## Exercise material:
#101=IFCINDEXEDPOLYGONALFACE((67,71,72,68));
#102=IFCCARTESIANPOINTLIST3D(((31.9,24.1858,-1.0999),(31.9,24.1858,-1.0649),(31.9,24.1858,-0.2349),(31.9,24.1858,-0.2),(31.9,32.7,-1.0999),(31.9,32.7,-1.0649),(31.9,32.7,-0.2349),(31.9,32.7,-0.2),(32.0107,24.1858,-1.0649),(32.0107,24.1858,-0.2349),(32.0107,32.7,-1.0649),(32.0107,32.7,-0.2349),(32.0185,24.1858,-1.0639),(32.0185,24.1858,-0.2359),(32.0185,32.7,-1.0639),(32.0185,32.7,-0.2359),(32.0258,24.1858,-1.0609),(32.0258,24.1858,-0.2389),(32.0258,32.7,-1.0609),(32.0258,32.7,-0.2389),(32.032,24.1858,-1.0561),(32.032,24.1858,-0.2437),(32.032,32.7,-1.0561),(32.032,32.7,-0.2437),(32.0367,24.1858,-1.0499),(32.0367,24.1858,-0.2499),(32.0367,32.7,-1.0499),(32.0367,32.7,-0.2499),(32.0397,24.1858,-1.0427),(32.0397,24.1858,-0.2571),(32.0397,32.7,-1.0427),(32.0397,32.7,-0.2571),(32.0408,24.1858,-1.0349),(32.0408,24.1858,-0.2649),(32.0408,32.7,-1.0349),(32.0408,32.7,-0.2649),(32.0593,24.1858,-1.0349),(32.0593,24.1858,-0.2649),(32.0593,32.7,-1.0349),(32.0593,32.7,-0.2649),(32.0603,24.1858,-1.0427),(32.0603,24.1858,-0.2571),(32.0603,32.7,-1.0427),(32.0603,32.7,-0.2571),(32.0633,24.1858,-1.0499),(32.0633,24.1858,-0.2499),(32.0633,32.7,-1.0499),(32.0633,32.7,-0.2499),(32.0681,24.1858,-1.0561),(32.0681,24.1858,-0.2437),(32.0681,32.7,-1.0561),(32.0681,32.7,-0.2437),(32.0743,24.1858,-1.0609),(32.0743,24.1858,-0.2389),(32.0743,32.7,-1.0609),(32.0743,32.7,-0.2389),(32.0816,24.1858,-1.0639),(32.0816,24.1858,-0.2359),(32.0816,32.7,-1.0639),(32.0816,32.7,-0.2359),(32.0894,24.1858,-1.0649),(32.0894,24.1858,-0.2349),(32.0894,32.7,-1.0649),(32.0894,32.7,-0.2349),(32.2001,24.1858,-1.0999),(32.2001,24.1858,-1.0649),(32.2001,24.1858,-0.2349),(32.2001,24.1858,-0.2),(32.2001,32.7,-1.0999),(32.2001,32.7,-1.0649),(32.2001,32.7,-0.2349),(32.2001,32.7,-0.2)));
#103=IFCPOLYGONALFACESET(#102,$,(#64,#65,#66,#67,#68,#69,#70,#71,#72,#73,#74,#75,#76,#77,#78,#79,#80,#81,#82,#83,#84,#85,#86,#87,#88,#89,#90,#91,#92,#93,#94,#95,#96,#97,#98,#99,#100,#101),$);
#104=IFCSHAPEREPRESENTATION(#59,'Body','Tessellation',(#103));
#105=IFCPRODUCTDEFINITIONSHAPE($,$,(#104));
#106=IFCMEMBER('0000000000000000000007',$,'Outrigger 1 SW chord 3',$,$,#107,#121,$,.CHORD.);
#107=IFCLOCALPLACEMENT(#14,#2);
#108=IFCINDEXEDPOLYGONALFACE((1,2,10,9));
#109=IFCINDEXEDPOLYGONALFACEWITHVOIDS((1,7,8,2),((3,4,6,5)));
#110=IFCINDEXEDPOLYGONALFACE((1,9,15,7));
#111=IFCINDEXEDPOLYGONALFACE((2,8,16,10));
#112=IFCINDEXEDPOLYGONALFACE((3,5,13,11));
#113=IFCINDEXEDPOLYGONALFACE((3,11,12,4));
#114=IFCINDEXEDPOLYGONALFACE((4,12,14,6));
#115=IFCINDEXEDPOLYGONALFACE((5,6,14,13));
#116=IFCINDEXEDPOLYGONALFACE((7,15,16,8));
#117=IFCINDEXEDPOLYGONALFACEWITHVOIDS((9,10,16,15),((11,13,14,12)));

--

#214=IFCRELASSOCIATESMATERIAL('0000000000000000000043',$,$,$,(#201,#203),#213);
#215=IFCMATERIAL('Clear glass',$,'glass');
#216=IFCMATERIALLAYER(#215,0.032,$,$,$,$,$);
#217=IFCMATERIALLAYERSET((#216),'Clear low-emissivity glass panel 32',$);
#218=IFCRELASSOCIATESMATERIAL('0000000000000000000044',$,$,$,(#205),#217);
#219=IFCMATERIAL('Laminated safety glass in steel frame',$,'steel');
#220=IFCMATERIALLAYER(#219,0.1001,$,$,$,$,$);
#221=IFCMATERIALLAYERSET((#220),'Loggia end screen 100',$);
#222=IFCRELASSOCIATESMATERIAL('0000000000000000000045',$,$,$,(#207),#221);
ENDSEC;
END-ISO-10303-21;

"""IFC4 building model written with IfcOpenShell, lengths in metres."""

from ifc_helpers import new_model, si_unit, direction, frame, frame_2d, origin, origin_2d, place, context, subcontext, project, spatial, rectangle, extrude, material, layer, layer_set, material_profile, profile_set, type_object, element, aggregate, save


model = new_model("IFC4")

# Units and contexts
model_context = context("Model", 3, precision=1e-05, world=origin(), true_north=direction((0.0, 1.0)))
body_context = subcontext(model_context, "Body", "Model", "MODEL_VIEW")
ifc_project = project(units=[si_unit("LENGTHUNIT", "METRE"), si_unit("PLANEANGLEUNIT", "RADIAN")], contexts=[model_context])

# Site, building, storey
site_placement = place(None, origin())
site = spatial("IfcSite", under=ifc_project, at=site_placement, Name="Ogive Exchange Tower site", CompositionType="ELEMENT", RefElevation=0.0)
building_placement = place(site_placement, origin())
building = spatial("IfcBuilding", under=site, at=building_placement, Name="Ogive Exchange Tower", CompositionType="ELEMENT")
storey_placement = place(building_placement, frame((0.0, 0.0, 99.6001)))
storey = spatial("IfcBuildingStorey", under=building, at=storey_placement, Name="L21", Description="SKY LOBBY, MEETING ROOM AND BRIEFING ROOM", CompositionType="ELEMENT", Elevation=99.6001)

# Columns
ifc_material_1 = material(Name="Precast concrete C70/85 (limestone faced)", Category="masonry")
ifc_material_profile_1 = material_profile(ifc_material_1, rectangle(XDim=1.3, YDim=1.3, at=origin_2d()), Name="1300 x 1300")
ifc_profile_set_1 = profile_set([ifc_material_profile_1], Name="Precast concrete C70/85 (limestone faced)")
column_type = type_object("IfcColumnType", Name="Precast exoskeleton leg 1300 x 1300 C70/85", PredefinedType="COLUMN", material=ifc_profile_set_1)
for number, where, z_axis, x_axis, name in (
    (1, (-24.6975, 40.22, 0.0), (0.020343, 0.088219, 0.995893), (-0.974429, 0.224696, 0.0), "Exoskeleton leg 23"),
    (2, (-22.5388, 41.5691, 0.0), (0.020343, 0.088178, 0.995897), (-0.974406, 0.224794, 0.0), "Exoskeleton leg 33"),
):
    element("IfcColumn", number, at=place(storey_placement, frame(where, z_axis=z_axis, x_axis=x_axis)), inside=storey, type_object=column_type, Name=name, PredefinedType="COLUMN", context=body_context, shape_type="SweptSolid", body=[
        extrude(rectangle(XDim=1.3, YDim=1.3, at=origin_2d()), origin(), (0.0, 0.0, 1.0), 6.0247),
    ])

## Work task:
Among the entries above, copy exactly only the lines starting with the one containing "#217=IFCMATERIALLAYERSET((#216),'Clear low-emissivity glass" and going through the one containing "building model written", both ends included.

## Reply:
#217=IFCMATERIALLAYERSET((#216),'Clear low-emissivity glass panel 32',$);
#218=IFCRELASSOCIATESMATERIAL('0000000000000000000044',$,$,$,(#205),#217);
#219=IFCMATERIAL('Laminated safety glass in steel frame',$,'steel');
#220=IFCMATERIALLAYER(#219,0.1001,$,$,$,$,$);
#221=IFCMATERIALLAYERSET((#220),'Loggia end screen 100',$);
#222=IFCRELASSOCIATESMATERIAL('0000000000000000000045',$,$,$,(#207),#221);
ENDSEC;
END-ISO-10303-21;

"""IFC4 building model written with IfcOpenShell, lengths in metres."""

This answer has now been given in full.